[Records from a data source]
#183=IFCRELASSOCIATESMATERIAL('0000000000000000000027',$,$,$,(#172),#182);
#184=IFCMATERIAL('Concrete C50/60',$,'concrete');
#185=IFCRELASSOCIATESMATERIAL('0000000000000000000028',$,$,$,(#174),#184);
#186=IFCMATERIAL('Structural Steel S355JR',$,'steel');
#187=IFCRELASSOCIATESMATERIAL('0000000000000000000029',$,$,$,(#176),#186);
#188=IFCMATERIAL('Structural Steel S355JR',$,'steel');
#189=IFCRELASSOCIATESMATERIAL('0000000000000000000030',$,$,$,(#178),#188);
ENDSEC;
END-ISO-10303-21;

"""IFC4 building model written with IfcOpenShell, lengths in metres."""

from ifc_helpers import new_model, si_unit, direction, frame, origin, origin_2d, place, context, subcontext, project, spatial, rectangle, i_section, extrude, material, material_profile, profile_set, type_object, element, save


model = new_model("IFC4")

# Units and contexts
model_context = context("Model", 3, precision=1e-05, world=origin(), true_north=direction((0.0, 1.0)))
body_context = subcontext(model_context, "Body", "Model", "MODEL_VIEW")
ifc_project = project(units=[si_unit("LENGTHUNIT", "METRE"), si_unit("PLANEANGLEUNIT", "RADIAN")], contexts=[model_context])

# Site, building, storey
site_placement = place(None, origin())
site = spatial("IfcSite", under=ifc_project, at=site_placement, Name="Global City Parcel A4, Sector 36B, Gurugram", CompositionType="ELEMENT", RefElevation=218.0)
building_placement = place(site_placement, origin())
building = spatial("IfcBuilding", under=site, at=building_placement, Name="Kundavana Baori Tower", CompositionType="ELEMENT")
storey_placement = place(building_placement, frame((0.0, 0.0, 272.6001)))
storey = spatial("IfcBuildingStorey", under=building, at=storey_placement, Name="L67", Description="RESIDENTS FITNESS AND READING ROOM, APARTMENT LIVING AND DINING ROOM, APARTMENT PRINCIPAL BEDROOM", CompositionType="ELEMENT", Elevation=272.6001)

_Problem details_
Copy all the data. Match it exactly.

_Completed task_
#183=IFCRELASSOCIATESMATERIAL('0000000000000000000027',$,$,$,(#172),#182);
#184=IFCMATERIAL('Concrete C50/60',$,'concrete');
#185=IFCRELASSOCIATESMATERIAL('0000000000000000000028',$,$,$,(#174),#184);
#186=IFCMATERIAL('Structural Steel S355JR',$,'steel');
#187=IFCRELASSOCIATESMATERIAL('0000000000000000000029',$,$,$,(#176),#186);
#188=IFCMATERIAL('Structural Steel S355JR',$,'steel');
#189=IFCRELASSOCIATESMATERIAL('0000000000000000000030',$,$,$,(#178),#188);
ENDSEC;
END-ISO-10303-21;

"""IFC4 building model written with IfcOpenShell, lengths in metres."""

from ifc_helpers import new_model, si_unit, direction, frame, origin, origin_2d, place, context, subcontext, project, spatial, rectangle, i_section, extrude, material, material_profile, profile_set, type_object, element, save


model = new_model("IFC4")

# Units and contexts
model_context = context("Model", 3, precision=1e-05, world=origin(), true_north=direction((0.0, 1.0)))
body_context = subcontext(model_context, "Body", "Model", "MODEL_VIEW")
ifc_project = project(units=[si_unit("LENGTHUNIT", "METRE"), si_unit("PLANEANGLEUNIT", "RADIAN")], contexts=[model_context])

# Site, building, storey
site_placement = place(None, origin())
site = spatial("IfcSite", under=ifc_project, at=site_placement, Name="Global City Parcel A4, Sector 36B, Gurugram", CompositionType="ELEMENT", RefElevation=218.0)
building_placement = place(site_placement, origin())
building = spatial("IfcBuilding", under=site, at=building_placement, Name="Kundavana Baori Tower", CompositionType="ELEMENT")
storey_placement = place(building_placement, frame((0.0, 0.0, 272.6001)))
storey = spatial("IfcBuildingStorey", under=building, at=storey_placement, Name="L67", Description="RESIDENTS FITNESS AND READING ROOM, APARTMENT LIVING AND DINING ROOM, APARTMENT PRINCIPAL BEDROOM", CompositionType="ELEMENT", Elevation=272.6001)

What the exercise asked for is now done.